### [INSTRUCTIONS TO FOLLOW]
Search the entries below for the word "contexts" and copy every line where it appears.

Stored items
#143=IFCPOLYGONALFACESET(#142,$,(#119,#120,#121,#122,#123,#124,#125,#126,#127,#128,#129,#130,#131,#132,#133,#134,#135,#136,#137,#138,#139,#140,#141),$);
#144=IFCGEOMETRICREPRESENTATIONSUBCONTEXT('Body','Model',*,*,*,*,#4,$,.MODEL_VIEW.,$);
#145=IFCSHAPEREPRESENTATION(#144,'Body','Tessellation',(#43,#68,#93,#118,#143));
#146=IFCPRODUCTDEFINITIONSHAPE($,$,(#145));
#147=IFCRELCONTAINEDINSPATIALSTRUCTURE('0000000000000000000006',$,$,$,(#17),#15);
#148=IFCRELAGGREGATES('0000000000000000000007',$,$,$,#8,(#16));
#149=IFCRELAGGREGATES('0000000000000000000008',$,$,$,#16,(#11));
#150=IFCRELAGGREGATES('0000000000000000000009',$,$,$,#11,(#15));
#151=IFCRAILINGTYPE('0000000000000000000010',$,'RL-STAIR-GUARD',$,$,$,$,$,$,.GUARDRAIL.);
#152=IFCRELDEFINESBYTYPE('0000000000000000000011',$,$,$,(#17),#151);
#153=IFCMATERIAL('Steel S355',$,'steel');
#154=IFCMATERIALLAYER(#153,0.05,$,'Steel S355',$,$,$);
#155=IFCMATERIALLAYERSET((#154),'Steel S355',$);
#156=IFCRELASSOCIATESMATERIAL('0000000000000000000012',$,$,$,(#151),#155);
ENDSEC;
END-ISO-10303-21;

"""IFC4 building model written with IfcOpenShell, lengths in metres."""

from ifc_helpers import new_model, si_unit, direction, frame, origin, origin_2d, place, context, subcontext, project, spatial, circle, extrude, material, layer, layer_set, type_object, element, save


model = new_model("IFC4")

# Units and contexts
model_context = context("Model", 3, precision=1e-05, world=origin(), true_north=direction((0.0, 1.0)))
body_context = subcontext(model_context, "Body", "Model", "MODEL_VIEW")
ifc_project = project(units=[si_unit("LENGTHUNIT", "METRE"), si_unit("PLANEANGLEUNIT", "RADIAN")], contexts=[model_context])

...

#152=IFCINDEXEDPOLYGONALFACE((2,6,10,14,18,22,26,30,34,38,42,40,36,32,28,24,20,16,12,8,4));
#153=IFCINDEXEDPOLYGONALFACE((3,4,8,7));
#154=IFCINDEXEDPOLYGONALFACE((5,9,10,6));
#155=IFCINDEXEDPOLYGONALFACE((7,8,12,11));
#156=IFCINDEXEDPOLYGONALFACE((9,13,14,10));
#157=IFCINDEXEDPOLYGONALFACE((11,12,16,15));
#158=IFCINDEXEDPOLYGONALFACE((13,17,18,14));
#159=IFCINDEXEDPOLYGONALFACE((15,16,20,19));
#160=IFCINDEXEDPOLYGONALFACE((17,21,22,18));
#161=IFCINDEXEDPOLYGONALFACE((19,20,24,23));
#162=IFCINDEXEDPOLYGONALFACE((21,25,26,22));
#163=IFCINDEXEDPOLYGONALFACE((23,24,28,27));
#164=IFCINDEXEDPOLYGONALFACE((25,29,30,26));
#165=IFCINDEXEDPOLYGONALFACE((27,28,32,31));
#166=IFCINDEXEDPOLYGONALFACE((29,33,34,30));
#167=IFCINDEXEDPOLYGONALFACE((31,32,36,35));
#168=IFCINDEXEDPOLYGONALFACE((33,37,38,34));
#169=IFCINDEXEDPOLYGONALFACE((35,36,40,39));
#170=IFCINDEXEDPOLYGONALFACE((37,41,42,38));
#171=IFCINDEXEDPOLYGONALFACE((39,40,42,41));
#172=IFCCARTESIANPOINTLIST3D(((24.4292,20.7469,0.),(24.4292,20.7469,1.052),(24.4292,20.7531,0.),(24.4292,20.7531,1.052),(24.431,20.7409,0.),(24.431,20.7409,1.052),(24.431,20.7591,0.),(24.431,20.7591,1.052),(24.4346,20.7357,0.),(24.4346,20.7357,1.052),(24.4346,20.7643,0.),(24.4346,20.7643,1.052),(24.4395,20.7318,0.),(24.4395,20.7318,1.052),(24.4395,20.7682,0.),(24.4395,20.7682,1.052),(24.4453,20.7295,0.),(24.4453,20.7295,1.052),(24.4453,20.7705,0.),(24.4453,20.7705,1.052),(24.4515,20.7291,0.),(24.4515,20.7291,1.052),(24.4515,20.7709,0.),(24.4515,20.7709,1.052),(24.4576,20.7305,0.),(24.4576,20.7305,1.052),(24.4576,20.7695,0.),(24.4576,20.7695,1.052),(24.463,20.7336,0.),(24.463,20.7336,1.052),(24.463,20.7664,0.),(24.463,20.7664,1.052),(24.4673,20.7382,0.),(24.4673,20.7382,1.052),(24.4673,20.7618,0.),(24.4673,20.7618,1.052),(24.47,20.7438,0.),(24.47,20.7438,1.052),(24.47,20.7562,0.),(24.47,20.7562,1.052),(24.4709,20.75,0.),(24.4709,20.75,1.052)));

### [TASK RESULT]
# Units and contexts
ifc_project = project(units=[si_unit("LENGTHUNIT", "METRE"), si_unit("PLANEANGLEUNIT", "RADIAN")], contexts=[model_context])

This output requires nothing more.